## Aim of the exercise
Look below for lines that hold the string "CompositionType" and copy each one.

## Data supplied
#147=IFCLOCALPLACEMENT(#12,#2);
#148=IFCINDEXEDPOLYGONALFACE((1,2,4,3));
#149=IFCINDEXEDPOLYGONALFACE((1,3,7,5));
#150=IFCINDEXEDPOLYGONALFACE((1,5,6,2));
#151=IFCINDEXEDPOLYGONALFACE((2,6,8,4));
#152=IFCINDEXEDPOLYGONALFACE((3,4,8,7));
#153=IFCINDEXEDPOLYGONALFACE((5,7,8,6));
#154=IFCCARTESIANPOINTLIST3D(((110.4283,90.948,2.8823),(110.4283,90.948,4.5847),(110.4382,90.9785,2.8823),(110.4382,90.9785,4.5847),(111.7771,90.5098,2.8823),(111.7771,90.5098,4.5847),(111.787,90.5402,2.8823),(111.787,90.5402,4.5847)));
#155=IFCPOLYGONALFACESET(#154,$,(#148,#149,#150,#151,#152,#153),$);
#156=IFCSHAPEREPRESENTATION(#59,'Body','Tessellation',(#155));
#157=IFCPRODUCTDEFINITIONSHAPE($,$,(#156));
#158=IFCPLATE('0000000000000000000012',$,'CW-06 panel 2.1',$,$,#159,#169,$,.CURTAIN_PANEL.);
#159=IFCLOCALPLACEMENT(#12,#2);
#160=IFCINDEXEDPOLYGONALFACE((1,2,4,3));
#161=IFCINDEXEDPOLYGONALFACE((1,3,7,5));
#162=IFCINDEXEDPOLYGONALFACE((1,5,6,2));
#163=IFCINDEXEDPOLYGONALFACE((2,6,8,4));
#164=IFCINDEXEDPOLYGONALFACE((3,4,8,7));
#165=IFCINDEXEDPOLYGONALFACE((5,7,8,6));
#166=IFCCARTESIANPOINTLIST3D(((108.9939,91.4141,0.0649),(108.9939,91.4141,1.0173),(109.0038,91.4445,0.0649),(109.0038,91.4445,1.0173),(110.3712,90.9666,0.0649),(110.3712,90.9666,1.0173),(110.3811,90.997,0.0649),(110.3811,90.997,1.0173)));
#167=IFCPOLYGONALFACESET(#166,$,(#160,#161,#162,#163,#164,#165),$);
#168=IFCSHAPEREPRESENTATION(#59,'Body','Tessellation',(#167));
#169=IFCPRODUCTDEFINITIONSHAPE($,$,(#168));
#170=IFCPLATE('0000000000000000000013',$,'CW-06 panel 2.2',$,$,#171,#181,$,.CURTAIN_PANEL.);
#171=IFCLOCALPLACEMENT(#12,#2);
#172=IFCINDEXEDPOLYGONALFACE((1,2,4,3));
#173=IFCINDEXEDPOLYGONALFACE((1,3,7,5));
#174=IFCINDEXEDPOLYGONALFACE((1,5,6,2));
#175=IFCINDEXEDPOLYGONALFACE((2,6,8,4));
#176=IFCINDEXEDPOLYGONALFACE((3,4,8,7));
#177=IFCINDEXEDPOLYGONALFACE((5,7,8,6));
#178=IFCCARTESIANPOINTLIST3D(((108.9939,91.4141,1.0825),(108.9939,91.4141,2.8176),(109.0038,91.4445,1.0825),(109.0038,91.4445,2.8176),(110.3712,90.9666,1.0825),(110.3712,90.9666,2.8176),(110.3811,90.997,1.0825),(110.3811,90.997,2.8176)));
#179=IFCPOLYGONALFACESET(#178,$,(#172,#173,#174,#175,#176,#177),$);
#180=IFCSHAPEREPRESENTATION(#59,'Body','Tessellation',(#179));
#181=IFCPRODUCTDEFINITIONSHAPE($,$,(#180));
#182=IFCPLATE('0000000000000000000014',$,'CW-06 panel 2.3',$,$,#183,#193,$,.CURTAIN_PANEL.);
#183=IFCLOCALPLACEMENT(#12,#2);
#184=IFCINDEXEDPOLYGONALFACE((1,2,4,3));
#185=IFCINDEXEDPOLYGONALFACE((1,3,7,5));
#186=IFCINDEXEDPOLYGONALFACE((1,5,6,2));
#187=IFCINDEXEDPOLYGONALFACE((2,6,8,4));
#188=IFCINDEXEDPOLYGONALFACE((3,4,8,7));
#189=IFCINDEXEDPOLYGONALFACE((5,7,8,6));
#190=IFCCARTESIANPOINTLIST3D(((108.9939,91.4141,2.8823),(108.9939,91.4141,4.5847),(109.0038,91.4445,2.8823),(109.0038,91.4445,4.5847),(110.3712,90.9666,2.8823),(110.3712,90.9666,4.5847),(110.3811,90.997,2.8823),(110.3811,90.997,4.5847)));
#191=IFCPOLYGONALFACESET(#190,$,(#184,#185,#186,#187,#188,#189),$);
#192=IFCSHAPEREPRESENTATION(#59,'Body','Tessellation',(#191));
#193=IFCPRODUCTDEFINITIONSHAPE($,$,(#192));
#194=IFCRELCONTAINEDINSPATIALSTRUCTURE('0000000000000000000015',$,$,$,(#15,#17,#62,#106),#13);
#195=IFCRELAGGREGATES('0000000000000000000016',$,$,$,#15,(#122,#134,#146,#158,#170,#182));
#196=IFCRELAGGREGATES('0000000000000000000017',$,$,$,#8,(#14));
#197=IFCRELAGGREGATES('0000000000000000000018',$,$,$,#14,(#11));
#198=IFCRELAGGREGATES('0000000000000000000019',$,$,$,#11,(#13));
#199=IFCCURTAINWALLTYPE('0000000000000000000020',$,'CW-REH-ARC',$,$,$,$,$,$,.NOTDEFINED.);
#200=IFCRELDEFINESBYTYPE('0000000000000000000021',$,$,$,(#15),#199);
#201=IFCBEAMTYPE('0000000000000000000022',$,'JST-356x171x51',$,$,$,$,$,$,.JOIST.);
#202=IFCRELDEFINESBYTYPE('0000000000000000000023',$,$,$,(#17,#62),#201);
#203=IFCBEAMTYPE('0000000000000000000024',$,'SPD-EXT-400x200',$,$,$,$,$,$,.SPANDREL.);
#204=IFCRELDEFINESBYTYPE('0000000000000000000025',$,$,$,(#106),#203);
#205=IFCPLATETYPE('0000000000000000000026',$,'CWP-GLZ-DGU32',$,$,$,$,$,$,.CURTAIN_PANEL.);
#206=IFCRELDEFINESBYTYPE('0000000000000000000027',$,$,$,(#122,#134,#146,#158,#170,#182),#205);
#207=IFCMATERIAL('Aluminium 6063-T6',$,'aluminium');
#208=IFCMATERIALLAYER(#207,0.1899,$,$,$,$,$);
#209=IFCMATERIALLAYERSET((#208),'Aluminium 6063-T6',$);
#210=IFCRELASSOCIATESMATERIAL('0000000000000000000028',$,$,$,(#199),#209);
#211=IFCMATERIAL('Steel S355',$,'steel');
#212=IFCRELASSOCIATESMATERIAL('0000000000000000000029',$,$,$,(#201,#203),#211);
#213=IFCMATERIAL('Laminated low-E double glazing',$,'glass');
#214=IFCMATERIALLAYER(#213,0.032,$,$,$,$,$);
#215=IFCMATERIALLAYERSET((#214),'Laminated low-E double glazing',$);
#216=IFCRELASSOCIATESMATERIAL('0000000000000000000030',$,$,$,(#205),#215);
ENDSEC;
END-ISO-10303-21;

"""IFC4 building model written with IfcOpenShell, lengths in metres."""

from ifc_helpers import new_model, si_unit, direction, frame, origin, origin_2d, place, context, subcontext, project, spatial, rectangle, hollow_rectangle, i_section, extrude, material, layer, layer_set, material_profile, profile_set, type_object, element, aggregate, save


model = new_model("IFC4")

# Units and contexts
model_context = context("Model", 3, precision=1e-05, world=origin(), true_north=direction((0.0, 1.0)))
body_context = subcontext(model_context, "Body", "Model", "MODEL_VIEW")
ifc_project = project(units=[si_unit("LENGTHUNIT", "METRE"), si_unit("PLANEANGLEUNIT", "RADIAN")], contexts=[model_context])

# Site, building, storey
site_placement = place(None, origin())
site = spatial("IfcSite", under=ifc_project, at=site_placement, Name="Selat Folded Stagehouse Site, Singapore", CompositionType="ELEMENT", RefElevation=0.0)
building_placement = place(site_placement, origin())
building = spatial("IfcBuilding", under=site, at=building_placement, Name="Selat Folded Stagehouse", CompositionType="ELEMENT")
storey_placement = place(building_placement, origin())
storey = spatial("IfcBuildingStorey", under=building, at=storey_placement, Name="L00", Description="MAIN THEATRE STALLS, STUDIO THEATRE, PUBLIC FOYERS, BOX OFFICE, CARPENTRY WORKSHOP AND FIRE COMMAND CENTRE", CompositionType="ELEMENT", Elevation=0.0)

## Written solution
site = spatial("IfcSite", under=ifc_project, at=site_placement, Name="Selat Folded Stagehouse Site, Singapore", CompositionType="ELEMENT", RefElevation=0.0)
building = spatial("IfcBuilding", under=site, at=building_placement, Name="Selat Folded Stagehouse", CompositionType="ELEMENT")
storey = spatial("IfcBuildingStorey", under=building, at=storey_placement, Name="L00", Description="MAIN THEATRE STALLS, STUDIO THEATRE, PUBLIC FOYERS, BOX OFFICE, CARPENTRY WORKSHOP AND FIRE COMMAND CENTRE", CompositionType="ELEMENT", Elevation=0.0)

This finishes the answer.